* [Task goal]: Return the count of lines in the following records that include "where", and nothing more.
*** Opening Data under study ***
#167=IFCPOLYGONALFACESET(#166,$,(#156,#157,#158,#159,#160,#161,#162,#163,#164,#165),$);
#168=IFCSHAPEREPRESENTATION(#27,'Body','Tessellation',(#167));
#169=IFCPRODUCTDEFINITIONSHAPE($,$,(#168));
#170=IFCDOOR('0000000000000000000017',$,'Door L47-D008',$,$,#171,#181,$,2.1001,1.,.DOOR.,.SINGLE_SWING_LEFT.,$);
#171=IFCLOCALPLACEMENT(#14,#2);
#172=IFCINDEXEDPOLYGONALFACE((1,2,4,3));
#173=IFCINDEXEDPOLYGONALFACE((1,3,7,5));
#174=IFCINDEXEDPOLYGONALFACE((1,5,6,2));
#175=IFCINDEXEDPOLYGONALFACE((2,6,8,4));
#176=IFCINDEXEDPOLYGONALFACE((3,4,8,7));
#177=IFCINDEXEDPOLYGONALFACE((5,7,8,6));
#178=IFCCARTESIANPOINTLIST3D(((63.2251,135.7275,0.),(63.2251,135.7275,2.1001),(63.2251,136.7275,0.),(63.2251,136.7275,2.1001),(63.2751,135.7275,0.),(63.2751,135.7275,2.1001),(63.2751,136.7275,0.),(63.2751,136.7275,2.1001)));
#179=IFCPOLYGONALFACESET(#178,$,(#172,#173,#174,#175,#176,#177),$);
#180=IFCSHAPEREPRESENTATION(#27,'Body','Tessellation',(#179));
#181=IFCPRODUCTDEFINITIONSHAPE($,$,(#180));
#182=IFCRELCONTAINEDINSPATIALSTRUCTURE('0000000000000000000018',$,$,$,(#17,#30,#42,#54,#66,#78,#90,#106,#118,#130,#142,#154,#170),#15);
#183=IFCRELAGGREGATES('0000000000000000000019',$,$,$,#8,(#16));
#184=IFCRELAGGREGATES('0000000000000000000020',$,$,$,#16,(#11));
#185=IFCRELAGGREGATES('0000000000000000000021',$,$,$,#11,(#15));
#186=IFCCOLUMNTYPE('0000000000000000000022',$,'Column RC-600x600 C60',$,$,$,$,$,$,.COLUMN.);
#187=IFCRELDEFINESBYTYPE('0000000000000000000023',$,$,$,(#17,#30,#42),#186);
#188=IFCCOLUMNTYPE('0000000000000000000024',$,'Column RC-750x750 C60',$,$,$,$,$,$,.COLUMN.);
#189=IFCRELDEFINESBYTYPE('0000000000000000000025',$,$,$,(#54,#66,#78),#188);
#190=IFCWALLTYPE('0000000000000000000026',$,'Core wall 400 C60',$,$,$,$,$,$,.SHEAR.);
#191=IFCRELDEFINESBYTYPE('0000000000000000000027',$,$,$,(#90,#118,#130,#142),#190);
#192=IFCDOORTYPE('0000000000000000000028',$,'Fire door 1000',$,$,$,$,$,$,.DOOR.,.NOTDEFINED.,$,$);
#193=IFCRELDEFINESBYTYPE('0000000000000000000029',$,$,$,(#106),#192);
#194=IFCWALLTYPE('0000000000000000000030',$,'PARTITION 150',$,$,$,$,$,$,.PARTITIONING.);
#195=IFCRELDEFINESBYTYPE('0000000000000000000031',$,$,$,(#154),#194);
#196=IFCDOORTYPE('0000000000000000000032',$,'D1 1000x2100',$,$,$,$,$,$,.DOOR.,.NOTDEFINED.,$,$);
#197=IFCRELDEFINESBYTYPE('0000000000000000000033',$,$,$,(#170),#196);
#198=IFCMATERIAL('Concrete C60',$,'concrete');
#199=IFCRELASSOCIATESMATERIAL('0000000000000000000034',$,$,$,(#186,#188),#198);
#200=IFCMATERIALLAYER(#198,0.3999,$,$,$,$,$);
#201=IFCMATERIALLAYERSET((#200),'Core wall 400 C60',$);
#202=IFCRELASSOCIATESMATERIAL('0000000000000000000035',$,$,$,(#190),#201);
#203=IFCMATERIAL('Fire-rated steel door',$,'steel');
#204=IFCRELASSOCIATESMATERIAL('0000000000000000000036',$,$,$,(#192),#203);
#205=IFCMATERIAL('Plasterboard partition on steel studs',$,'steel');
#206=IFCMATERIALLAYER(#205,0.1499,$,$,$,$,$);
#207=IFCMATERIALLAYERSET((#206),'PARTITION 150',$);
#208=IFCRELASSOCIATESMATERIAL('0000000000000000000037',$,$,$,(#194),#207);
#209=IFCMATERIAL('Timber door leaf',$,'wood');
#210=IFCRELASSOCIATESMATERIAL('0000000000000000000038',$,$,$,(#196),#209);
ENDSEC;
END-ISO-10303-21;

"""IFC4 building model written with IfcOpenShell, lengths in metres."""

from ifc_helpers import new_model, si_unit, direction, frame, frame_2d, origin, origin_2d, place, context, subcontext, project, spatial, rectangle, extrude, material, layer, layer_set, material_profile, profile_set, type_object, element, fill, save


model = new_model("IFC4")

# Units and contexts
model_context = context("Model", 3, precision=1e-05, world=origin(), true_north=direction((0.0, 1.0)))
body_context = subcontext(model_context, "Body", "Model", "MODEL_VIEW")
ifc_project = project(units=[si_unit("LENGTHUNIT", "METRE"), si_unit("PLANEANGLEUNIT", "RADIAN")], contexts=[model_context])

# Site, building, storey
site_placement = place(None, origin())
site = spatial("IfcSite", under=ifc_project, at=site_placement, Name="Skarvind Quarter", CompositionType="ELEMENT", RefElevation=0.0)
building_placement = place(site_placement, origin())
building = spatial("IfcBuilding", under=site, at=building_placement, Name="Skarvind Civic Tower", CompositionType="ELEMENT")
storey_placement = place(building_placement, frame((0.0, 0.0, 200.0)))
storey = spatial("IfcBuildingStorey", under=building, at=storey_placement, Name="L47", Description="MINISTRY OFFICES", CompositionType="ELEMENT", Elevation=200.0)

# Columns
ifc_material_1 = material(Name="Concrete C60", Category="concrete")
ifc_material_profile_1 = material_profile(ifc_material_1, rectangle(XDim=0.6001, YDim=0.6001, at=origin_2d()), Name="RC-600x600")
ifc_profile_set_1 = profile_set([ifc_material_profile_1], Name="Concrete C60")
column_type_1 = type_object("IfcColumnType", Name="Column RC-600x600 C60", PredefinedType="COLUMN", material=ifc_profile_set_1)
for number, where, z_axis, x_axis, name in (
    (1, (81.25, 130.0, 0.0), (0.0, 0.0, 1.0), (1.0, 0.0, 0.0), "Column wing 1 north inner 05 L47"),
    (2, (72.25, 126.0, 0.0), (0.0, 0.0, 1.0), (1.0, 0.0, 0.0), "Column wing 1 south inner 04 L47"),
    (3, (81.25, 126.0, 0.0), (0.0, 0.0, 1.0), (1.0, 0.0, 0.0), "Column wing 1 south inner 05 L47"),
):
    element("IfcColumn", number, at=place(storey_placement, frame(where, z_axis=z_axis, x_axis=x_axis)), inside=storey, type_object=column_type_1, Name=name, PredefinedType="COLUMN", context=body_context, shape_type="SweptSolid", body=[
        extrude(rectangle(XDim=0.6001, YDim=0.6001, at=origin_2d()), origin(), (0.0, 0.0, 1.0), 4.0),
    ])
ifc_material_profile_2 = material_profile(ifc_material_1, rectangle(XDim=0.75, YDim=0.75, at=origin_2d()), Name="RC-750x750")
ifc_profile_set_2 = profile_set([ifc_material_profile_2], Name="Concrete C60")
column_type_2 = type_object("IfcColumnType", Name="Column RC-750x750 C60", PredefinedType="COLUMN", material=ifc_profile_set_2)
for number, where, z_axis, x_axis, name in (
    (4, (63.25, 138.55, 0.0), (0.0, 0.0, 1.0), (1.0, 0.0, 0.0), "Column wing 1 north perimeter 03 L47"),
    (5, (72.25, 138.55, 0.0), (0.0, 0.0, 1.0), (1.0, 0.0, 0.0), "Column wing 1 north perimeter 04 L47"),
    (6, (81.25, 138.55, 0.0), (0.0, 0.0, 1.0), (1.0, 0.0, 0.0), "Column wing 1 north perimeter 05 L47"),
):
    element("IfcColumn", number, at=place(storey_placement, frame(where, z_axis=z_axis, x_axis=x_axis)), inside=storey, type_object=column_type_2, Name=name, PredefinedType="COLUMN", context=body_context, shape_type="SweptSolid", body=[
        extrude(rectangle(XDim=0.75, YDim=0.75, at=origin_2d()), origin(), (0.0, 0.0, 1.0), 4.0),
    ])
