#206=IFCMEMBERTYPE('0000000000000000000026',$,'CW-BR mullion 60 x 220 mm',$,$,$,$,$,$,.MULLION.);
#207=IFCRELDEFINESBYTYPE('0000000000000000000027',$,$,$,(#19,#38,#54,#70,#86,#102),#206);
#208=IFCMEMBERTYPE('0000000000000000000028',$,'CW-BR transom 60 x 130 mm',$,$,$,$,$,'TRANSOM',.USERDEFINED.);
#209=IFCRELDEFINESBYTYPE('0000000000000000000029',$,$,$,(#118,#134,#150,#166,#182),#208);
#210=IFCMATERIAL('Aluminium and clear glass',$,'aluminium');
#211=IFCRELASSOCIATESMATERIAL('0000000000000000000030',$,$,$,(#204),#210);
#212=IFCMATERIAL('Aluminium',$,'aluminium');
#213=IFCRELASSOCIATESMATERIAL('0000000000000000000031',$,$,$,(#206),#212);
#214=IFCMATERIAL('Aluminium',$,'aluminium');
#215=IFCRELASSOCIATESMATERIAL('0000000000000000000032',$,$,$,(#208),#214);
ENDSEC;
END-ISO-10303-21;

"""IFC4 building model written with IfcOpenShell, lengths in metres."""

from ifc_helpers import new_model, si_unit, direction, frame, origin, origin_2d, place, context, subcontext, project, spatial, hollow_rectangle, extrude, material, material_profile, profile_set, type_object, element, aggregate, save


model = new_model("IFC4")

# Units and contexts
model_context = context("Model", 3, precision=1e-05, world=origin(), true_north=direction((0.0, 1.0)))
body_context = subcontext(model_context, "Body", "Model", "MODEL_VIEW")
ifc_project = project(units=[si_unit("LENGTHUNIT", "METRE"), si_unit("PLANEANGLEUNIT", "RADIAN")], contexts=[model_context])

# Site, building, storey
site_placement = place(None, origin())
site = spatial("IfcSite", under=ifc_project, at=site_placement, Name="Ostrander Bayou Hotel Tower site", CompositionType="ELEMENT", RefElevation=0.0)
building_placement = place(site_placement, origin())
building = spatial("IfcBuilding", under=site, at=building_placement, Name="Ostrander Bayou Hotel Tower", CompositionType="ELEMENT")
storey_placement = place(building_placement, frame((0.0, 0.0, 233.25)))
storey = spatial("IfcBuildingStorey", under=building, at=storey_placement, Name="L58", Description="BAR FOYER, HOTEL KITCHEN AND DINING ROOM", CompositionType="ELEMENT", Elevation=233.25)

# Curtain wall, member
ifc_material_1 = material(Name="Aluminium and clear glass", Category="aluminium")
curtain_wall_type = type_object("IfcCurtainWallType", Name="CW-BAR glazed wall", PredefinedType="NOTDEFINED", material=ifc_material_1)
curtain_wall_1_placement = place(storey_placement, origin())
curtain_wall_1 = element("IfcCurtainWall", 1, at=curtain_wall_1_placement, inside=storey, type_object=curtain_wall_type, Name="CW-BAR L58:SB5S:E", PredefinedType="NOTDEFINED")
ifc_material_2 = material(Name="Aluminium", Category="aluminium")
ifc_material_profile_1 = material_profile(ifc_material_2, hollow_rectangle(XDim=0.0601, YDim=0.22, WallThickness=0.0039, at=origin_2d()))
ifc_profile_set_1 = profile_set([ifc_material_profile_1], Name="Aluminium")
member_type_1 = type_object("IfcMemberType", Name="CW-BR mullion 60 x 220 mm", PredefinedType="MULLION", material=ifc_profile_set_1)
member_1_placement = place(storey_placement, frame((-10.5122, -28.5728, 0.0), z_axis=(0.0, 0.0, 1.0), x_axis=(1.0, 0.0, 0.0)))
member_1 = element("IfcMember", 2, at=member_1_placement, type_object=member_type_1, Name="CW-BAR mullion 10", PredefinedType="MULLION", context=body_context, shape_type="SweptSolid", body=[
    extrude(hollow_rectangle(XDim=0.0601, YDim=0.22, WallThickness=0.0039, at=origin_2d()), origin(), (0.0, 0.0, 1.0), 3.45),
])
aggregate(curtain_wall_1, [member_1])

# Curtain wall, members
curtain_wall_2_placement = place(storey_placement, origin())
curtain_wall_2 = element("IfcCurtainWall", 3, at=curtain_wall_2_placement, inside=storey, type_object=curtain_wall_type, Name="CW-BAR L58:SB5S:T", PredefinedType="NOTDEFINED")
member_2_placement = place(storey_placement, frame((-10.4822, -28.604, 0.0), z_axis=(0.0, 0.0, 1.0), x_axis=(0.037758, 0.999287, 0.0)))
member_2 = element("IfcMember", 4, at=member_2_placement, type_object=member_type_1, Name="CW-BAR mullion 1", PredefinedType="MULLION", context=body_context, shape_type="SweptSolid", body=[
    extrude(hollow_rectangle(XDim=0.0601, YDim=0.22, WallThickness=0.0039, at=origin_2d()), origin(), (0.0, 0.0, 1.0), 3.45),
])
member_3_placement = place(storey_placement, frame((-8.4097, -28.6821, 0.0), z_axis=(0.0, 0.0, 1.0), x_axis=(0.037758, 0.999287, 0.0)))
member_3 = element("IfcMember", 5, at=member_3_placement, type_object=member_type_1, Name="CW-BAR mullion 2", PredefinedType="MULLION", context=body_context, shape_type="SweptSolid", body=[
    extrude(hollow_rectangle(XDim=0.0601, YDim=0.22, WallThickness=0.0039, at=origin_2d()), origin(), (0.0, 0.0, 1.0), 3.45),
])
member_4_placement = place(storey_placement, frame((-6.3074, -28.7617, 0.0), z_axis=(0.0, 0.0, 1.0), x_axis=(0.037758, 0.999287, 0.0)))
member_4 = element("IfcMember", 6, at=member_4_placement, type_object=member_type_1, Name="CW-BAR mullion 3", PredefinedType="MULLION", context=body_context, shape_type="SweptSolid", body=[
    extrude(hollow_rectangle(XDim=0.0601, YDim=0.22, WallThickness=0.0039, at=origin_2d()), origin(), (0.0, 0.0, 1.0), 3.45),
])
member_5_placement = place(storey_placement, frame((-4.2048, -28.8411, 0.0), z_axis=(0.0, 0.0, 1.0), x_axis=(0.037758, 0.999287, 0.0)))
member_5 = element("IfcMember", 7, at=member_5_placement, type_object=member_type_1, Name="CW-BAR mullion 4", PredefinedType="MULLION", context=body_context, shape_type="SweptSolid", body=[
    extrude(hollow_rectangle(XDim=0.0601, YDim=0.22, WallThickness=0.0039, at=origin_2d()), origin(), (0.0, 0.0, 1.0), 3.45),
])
*** Closing Data under study ***
* [Response area]: 4